What is being asked
Please give back, word for word, each line from the start of the entries through the one in which "#137=IFCINDEXEDPOLYGONALFACE((5,7,8,6));" is found.

┄┄┄┄┄┄

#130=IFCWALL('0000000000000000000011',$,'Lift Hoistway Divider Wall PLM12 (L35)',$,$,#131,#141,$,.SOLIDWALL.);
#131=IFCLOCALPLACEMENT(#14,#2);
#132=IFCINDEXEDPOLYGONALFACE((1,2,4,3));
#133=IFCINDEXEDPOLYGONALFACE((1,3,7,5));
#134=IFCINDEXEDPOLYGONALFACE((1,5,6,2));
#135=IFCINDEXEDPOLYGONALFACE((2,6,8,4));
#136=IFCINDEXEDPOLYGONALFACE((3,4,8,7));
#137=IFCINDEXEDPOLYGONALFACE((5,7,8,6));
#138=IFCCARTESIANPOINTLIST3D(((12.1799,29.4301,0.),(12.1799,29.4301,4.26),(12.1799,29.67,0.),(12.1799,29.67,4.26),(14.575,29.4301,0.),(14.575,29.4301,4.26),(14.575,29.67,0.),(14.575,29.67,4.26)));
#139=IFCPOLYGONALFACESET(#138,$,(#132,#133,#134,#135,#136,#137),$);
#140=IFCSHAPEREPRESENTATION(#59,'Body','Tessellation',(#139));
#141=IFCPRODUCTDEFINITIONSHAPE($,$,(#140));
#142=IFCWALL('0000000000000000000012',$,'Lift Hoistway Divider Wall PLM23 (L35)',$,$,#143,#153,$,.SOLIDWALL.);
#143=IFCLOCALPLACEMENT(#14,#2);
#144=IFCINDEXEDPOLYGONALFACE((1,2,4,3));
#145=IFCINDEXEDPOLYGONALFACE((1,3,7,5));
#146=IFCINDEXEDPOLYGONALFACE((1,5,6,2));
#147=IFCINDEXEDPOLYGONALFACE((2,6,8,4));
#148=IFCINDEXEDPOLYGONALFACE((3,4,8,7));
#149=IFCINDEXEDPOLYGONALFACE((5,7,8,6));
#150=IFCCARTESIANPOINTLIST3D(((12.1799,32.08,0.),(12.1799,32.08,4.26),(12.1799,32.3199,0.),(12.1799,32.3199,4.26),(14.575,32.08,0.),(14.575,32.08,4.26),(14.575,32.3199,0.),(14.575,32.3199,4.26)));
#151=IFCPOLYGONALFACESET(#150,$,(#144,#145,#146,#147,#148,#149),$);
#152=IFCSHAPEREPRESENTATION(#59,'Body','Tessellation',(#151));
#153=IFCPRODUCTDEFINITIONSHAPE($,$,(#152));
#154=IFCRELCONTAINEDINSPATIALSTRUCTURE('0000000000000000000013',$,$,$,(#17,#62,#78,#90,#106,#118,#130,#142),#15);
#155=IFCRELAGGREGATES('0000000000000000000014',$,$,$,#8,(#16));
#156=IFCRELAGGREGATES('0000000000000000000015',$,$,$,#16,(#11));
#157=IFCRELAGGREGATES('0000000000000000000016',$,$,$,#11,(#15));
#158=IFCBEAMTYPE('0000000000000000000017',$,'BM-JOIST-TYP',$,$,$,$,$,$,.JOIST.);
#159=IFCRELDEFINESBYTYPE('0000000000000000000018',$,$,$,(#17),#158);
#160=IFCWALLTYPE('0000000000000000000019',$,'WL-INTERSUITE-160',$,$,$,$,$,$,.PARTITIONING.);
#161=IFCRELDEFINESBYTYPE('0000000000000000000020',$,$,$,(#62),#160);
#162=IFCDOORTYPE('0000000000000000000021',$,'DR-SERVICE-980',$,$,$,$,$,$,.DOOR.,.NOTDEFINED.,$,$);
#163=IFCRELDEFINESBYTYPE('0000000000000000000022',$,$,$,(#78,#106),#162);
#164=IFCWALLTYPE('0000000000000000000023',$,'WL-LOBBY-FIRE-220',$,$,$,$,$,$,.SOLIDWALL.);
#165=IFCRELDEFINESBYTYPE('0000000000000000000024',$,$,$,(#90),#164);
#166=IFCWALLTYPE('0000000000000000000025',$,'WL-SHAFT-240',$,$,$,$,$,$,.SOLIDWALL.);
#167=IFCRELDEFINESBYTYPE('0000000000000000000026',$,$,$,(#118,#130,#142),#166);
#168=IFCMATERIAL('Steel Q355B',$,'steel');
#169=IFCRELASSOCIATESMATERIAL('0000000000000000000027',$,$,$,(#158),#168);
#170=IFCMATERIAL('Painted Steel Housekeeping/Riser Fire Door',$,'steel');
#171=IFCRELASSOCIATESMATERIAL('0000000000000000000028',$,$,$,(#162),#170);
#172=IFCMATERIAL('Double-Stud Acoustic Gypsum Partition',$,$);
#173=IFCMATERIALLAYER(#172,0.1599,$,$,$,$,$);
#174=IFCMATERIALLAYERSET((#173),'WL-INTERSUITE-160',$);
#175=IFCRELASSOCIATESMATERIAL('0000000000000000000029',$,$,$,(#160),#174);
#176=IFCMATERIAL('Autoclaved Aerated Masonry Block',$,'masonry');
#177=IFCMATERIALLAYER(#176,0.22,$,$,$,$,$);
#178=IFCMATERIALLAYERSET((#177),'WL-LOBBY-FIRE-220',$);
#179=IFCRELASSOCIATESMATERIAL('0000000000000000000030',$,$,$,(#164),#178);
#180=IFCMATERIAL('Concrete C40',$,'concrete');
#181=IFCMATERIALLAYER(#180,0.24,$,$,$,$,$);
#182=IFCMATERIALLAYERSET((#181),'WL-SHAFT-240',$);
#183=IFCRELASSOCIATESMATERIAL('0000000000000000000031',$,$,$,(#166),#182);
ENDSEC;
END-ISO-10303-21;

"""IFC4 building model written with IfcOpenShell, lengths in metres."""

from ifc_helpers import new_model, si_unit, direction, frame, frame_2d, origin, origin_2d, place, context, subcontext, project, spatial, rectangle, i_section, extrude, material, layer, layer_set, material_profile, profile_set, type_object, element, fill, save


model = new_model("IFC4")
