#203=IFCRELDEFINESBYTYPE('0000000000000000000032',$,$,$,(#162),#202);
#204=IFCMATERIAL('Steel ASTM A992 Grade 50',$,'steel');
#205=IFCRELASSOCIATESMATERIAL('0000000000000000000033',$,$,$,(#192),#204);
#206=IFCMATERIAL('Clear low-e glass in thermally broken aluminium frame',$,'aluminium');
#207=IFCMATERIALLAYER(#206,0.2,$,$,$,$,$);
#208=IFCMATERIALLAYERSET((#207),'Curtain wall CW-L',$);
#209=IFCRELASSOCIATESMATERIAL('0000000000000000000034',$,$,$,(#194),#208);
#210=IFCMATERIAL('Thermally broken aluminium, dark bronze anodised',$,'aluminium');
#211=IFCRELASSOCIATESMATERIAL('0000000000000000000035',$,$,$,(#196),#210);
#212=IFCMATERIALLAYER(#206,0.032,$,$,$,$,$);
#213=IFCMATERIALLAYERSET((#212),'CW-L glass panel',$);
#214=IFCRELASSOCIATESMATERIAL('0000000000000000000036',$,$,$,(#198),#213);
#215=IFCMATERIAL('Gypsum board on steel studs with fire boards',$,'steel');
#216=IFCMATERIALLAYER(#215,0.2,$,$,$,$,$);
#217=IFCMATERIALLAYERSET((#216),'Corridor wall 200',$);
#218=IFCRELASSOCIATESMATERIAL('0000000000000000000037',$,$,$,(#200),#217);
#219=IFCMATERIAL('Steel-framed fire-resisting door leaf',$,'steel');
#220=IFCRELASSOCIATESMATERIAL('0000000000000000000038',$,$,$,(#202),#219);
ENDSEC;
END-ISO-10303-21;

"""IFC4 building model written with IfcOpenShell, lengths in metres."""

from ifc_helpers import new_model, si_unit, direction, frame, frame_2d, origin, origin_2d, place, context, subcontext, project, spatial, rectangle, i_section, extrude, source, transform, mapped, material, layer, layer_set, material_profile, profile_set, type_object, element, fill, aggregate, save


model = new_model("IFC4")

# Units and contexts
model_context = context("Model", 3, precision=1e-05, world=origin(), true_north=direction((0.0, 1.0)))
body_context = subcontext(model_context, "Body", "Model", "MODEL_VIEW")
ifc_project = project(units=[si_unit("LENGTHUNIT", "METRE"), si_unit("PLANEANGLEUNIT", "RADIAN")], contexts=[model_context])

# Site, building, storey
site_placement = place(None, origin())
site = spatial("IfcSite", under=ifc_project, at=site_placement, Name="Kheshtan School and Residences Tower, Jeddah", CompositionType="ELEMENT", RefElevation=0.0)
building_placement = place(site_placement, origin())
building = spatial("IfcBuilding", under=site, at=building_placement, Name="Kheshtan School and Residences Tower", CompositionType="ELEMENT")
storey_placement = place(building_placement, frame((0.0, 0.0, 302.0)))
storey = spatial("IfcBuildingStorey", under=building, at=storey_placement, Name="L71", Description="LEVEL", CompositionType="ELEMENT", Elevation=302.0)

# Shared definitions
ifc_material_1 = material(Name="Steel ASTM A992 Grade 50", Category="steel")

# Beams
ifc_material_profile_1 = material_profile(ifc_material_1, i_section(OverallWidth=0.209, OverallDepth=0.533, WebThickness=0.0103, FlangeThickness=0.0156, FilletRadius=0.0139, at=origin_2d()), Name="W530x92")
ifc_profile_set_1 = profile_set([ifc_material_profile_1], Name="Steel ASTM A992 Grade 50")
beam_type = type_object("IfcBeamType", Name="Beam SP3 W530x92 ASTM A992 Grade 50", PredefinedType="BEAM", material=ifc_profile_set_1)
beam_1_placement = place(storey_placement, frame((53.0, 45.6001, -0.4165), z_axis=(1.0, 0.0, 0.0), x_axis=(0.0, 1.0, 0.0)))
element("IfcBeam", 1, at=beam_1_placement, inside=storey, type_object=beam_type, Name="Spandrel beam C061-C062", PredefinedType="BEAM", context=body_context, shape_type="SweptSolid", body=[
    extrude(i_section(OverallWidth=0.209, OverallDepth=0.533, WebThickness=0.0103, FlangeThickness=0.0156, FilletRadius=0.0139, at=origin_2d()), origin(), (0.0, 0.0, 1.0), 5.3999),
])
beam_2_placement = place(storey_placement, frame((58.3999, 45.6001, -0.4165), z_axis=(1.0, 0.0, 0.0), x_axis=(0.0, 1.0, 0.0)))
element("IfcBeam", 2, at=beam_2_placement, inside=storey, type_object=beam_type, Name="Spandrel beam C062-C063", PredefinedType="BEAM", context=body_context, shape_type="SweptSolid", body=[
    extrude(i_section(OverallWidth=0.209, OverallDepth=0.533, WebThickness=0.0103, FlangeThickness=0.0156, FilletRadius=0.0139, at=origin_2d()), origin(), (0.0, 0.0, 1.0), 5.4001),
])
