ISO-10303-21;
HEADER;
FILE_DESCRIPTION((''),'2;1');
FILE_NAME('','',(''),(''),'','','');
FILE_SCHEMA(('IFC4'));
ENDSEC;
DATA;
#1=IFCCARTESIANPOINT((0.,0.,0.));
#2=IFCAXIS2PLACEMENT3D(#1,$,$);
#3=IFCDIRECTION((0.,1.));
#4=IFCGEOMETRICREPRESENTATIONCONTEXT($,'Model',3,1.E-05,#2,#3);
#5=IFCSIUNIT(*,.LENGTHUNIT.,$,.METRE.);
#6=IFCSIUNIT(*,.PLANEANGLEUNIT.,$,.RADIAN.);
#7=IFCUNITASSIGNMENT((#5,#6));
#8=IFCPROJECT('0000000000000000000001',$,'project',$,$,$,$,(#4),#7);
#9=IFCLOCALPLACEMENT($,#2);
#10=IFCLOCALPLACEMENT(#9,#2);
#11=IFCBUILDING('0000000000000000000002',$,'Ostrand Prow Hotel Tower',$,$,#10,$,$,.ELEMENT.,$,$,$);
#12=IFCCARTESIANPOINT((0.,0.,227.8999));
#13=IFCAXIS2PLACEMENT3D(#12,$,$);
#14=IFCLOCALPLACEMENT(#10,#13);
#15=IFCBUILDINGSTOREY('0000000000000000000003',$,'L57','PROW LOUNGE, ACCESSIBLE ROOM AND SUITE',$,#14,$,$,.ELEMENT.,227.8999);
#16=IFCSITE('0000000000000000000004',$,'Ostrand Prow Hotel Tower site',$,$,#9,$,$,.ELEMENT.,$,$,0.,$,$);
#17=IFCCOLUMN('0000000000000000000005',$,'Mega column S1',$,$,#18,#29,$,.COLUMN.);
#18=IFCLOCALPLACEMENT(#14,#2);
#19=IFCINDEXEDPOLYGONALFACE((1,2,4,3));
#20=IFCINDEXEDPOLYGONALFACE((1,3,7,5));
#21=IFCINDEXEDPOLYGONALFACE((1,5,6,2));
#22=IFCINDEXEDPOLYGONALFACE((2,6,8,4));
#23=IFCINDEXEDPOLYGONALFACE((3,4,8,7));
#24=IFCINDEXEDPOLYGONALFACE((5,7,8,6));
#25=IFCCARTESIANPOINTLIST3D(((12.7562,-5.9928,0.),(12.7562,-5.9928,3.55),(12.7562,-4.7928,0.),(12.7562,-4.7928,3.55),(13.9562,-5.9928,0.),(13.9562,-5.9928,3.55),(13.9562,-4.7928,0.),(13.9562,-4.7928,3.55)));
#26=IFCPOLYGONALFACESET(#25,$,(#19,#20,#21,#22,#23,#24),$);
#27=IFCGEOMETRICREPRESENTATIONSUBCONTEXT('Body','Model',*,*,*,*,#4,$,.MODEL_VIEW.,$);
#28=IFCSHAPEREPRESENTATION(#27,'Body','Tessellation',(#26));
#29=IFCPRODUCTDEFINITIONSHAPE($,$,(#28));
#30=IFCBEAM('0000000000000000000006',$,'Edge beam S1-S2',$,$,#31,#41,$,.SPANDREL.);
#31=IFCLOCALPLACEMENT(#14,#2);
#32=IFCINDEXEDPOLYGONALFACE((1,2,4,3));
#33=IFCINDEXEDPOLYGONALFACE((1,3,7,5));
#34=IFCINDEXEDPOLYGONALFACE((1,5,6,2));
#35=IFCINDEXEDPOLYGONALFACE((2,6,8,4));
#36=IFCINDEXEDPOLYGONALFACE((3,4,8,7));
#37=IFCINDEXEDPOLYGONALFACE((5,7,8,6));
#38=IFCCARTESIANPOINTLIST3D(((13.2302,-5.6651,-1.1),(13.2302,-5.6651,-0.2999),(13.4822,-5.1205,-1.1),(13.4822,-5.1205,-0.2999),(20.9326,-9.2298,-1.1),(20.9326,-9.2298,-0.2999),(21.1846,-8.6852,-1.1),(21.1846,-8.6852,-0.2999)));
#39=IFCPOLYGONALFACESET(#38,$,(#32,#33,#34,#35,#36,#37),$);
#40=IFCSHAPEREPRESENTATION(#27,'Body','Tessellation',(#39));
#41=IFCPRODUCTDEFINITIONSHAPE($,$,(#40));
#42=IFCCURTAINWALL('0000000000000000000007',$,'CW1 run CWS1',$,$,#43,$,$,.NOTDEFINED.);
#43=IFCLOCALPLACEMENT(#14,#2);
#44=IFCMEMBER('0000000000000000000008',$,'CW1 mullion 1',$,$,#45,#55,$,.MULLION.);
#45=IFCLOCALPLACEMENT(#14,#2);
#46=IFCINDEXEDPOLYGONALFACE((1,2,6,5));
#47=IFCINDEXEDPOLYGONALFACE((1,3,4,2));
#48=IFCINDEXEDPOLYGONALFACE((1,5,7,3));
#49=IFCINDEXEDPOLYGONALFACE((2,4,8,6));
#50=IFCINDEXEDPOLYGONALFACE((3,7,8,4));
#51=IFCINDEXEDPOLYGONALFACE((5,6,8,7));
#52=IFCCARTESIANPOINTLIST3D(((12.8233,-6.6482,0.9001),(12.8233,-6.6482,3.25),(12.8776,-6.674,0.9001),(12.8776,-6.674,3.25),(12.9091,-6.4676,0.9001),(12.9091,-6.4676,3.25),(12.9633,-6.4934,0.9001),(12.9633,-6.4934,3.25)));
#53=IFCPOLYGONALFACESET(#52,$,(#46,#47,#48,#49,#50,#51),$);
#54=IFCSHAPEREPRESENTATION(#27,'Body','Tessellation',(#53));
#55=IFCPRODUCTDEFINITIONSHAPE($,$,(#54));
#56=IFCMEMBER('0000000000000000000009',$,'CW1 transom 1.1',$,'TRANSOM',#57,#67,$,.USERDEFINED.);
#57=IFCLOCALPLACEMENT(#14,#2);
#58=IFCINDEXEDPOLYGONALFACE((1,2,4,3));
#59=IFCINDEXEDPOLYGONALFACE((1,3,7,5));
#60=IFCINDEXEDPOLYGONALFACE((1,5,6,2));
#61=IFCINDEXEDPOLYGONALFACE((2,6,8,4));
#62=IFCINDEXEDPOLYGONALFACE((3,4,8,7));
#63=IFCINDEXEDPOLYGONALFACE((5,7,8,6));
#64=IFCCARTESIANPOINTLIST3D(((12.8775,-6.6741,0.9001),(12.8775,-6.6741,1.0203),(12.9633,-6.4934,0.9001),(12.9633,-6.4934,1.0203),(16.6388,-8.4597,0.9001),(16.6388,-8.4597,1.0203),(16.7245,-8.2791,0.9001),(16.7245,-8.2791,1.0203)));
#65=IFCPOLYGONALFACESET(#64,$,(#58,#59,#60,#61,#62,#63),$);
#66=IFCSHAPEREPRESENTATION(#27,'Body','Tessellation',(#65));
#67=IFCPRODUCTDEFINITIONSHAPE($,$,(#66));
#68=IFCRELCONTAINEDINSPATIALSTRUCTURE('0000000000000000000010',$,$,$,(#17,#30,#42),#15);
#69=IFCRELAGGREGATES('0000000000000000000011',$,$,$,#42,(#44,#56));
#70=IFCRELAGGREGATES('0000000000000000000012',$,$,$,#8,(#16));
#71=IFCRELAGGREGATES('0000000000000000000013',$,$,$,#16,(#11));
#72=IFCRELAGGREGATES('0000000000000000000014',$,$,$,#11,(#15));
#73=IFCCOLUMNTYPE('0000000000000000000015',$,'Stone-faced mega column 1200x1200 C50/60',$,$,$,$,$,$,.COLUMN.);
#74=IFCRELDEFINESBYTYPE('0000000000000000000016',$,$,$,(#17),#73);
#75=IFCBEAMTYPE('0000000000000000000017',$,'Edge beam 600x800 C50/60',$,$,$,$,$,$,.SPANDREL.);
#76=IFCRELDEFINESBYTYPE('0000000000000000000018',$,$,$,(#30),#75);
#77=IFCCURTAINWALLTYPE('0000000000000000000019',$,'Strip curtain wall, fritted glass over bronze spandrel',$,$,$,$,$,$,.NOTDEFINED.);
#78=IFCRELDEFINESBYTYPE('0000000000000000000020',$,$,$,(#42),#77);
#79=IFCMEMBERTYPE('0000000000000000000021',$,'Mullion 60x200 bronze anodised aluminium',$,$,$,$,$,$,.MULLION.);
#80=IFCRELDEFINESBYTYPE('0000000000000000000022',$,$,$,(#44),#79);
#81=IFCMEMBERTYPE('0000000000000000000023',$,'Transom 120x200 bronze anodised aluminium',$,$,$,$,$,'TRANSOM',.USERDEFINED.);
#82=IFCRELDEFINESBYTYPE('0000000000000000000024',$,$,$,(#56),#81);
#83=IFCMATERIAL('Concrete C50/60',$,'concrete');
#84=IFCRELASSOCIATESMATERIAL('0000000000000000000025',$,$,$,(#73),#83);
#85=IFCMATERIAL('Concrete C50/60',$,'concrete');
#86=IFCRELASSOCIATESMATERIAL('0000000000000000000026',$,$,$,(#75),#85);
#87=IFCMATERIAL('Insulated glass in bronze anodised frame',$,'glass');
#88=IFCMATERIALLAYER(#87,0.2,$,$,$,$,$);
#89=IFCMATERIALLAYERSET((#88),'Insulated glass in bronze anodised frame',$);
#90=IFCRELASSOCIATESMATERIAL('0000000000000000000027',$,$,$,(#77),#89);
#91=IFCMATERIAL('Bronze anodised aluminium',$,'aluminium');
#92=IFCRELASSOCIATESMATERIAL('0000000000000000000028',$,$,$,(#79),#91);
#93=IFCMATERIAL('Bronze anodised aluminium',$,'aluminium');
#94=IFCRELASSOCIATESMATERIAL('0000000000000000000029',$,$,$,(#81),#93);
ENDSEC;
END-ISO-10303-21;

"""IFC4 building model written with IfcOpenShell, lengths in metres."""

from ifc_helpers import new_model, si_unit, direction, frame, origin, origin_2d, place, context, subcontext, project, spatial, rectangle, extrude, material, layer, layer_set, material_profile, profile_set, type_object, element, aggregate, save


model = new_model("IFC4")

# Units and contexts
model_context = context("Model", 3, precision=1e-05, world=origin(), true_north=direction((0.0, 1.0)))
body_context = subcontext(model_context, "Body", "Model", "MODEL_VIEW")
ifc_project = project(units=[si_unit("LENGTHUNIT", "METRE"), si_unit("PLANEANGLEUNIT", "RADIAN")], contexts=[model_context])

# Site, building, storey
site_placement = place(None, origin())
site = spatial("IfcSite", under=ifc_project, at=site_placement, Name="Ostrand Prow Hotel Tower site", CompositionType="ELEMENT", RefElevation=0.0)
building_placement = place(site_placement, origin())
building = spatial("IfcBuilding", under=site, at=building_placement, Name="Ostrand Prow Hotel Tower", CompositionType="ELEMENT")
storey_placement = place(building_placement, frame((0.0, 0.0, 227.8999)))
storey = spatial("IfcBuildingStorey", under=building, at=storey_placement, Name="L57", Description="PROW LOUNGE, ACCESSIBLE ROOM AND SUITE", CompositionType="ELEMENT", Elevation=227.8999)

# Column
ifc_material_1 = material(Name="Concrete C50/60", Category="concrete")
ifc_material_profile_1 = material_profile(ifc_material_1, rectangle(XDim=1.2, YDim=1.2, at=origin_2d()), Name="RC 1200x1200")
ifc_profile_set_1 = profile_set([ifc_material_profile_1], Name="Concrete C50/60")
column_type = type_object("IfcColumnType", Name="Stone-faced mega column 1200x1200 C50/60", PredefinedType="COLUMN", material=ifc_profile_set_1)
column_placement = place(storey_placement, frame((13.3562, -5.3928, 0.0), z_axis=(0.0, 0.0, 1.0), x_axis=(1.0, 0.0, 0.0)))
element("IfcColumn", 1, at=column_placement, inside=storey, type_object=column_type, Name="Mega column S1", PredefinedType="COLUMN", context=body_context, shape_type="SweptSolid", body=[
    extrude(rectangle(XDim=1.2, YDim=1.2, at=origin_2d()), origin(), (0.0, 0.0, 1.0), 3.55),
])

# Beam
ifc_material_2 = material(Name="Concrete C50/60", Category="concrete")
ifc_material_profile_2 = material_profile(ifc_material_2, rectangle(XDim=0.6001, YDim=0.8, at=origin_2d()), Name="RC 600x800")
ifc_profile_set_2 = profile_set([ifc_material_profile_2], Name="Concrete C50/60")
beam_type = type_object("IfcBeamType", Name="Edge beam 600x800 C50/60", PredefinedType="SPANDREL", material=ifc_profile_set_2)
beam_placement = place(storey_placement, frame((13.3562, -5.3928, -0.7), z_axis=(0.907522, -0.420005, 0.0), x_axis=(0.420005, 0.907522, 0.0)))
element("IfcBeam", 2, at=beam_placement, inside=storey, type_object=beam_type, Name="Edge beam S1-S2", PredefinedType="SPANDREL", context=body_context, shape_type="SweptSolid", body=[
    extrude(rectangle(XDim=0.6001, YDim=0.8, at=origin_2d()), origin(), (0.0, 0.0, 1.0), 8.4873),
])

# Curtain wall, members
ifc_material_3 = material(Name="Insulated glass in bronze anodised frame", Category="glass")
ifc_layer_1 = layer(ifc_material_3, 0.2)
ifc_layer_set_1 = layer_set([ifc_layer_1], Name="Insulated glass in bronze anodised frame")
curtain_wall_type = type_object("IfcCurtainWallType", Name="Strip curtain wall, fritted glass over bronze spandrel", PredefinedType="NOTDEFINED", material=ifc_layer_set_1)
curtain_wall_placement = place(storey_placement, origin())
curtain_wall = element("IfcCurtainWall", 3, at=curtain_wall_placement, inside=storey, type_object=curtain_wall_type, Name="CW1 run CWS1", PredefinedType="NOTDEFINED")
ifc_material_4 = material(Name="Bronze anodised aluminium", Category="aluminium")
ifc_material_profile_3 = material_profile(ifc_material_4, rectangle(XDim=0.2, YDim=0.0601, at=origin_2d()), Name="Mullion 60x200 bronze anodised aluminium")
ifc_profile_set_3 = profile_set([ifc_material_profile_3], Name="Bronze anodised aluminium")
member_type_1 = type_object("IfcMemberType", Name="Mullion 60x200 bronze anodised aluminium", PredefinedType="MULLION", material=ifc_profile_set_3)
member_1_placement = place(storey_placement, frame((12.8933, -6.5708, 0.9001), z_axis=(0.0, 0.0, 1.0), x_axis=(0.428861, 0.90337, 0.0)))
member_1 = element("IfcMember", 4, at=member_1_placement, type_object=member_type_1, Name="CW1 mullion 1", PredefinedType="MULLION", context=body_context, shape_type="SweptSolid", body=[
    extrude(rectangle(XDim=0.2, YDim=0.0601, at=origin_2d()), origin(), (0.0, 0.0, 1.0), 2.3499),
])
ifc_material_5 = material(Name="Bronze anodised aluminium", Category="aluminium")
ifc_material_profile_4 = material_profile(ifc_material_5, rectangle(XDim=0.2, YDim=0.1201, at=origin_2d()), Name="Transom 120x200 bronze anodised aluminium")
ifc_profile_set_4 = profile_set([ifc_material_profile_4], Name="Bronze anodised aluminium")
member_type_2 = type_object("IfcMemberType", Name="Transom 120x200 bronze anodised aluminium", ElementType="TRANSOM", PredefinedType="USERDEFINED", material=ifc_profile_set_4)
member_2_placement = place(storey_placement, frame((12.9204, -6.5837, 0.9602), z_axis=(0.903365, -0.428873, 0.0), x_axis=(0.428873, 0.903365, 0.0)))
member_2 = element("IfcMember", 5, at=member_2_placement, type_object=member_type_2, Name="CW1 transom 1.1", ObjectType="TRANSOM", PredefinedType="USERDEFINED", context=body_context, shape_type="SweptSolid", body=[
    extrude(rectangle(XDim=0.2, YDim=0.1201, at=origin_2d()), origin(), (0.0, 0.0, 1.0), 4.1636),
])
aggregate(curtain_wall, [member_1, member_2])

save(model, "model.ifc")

┄┄┄┄┄┄

Reply
#130=IFCWALL('0000000000000000000011',$,'Lift Hoistway Divider Wall PLM12 (L35)',$,$,#131,#141,$,.SOLIDWALL.);
#131=IFCLOCALPLACEMENT(#14,#2);
#132=IFCINDEXEDPOLYGONALFACE((1,2,4,3));
#133=IFCINDEXEDPOLYGONALFACE((1,3,7,5));
#134=IFCINDEXEDPOLYGONALFACE((1,5,6,2));
#135=IFCINDEXEDPOLYGONALFACE((2,6,8,4));
#136=IFCINDEXEDPOLYGONALFACE((3,4,8,7));
#137=IFCINDEXEDPOLYGONALFACE((5,7,8,6));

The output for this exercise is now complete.